## What needs to be done
Among the entries that follow, how many lines contain the string "given"? Answer with that number only.

## Task input
○ ○ ○ ○ ○

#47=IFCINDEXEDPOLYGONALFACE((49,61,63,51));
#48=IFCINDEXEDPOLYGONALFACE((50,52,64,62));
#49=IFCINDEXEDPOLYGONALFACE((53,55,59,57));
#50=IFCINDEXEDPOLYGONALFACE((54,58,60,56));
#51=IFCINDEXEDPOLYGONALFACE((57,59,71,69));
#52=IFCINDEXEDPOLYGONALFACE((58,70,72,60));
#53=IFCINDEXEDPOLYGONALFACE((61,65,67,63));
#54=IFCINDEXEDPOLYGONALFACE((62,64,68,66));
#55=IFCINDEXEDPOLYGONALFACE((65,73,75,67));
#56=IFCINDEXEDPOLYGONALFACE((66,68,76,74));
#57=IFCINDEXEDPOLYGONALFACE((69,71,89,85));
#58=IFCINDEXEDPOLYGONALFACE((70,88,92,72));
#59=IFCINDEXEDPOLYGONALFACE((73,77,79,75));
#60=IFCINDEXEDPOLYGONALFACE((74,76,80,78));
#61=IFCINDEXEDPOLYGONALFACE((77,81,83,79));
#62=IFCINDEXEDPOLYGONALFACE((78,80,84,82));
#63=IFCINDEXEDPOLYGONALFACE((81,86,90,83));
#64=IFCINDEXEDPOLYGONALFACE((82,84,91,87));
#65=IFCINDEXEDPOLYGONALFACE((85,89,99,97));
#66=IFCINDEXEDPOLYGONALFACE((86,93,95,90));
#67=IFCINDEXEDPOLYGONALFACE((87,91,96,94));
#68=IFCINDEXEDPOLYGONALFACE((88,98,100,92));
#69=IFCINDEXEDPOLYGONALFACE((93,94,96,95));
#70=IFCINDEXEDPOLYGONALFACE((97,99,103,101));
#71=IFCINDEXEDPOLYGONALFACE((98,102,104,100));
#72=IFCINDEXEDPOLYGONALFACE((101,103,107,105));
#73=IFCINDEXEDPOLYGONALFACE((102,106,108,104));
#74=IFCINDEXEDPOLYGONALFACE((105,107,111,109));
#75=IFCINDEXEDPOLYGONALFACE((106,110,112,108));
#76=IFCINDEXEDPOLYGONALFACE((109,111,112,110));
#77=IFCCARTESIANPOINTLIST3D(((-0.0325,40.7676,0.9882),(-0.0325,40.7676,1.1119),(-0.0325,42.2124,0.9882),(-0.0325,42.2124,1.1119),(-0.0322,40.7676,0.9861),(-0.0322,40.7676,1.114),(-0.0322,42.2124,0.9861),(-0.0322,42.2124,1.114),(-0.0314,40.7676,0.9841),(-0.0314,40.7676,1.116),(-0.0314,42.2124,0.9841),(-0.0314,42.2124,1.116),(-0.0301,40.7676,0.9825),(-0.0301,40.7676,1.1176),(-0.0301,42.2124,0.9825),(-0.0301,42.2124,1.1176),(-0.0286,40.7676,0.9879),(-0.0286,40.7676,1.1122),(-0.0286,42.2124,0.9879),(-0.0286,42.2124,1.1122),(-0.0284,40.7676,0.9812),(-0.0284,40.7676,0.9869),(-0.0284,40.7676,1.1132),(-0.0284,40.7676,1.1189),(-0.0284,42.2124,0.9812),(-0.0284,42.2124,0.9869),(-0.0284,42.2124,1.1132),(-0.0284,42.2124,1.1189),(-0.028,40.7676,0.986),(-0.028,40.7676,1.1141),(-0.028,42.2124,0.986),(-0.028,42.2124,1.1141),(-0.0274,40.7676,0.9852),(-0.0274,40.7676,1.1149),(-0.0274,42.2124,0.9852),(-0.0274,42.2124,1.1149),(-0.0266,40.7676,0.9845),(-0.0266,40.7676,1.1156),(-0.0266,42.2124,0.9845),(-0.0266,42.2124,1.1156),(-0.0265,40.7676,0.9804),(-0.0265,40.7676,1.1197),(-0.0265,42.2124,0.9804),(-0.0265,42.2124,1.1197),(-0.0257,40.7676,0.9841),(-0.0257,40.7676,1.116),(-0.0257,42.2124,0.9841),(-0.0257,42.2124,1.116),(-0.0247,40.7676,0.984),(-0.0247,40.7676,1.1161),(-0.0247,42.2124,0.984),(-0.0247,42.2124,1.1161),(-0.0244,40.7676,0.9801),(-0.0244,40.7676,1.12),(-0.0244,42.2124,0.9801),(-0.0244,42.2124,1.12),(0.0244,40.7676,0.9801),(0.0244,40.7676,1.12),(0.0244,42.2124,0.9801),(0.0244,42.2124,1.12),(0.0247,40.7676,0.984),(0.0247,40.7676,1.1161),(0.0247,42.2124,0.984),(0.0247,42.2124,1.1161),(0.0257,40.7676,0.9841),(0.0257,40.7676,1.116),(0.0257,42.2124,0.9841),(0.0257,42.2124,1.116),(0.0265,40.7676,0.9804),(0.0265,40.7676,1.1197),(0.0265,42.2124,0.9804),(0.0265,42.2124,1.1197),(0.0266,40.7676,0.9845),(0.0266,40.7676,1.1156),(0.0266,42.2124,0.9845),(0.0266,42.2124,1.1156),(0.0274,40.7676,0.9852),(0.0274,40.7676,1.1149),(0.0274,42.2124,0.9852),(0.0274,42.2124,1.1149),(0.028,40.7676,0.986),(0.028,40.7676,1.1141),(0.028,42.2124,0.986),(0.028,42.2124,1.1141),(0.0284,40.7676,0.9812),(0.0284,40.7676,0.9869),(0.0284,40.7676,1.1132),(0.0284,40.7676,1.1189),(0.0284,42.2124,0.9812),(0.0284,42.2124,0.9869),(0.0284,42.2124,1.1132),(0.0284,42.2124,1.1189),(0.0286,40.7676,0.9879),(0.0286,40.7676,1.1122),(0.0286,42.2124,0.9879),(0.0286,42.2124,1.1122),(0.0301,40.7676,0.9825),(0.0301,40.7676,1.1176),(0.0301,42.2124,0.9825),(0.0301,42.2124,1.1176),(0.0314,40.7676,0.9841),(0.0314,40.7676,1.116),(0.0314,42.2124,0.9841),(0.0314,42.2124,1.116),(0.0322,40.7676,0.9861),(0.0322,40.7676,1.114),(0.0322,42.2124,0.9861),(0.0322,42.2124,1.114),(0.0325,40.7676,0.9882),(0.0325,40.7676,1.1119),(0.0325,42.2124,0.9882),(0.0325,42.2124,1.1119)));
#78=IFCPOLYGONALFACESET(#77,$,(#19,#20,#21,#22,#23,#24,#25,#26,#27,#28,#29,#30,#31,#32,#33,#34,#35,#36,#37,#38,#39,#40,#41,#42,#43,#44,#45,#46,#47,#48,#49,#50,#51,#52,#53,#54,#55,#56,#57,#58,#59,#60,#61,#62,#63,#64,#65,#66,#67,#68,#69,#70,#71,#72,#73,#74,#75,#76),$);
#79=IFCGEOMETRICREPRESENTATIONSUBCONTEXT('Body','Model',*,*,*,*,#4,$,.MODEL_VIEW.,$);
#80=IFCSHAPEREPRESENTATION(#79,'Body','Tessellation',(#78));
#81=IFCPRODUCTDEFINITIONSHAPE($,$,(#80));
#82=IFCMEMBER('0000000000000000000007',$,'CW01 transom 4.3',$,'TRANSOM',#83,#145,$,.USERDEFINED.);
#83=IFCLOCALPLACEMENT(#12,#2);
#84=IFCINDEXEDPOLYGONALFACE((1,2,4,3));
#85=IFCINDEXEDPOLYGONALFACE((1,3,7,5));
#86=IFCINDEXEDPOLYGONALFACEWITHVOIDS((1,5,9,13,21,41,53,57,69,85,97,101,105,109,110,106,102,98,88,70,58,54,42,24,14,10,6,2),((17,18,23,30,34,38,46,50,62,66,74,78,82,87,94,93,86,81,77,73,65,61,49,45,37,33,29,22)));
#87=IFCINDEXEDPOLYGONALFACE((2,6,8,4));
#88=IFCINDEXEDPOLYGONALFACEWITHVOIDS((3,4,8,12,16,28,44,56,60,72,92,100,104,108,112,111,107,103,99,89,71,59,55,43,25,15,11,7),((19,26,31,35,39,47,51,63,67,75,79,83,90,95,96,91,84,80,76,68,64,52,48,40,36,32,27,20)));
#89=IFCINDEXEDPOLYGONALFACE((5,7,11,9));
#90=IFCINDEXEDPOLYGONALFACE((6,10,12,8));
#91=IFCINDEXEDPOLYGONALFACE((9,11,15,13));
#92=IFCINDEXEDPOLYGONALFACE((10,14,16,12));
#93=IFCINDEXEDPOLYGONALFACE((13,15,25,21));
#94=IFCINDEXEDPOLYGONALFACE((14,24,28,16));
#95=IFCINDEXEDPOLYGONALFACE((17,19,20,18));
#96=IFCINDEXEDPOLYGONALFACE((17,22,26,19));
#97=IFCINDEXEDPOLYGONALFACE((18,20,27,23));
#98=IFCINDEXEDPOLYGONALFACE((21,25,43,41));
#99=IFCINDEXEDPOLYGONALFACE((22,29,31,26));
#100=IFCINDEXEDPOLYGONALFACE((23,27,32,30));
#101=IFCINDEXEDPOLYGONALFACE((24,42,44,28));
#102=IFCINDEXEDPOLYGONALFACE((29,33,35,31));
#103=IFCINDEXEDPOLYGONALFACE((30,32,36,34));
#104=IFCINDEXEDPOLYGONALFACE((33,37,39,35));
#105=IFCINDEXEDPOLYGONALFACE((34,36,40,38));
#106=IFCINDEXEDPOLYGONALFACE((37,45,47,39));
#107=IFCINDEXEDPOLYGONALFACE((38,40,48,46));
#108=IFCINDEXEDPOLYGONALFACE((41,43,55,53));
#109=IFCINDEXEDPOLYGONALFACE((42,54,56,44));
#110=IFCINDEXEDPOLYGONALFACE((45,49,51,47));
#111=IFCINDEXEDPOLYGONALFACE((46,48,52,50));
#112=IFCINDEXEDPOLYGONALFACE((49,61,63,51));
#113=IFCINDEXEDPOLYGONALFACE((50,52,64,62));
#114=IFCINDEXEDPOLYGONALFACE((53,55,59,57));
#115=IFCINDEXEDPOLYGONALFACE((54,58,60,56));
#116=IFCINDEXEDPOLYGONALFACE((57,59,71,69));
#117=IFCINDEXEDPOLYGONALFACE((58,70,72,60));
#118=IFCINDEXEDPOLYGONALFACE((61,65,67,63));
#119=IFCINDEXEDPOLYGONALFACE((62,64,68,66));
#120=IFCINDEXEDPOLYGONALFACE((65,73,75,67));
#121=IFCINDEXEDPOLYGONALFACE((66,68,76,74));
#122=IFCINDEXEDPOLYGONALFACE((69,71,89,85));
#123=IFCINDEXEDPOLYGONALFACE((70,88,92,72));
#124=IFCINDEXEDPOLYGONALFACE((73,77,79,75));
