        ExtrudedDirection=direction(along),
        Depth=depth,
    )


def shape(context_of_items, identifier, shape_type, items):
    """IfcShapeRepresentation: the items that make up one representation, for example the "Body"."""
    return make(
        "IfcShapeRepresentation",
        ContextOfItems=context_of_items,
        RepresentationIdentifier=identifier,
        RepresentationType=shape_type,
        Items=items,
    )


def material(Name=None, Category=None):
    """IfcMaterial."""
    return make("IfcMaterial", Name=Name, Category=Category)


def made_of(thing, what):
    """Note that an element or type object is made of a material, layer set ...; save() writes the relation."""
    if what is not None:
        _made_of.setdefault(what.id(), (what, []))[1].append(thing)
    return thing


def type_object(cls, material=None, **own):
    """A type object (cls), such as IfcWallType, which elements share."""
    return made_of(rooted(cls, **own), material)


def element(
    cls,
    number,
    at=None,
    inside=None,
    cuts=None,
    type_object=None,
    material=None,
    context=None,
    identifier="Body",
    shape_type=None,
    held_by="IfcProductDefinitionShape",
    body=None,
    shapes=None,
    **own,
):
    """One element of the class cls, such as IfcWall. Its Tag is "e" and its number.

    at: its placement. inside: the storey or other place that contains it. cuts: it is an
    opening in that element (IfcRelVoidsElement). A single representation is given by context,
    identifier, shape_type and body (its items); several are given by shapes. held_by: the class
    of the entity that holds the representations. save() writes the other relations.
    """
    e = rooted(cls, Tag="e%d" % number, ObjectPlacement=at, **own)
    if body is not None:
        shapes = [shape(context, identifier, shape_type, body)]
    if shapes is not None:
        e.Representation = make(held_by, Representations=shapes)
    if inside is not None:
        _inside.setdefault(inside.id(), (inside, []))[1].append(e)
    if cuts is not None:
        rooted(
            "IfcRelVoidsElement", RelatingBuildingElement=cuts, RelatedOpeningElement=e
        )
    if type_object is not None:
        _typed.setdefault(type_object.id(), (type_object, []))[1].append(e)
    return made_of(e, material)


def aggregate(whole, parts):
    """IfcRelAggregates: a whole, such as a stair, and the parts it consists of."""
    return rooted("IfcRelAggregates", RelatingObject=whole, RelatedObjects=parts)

○ ○ ○ ○ ○

## Task response
2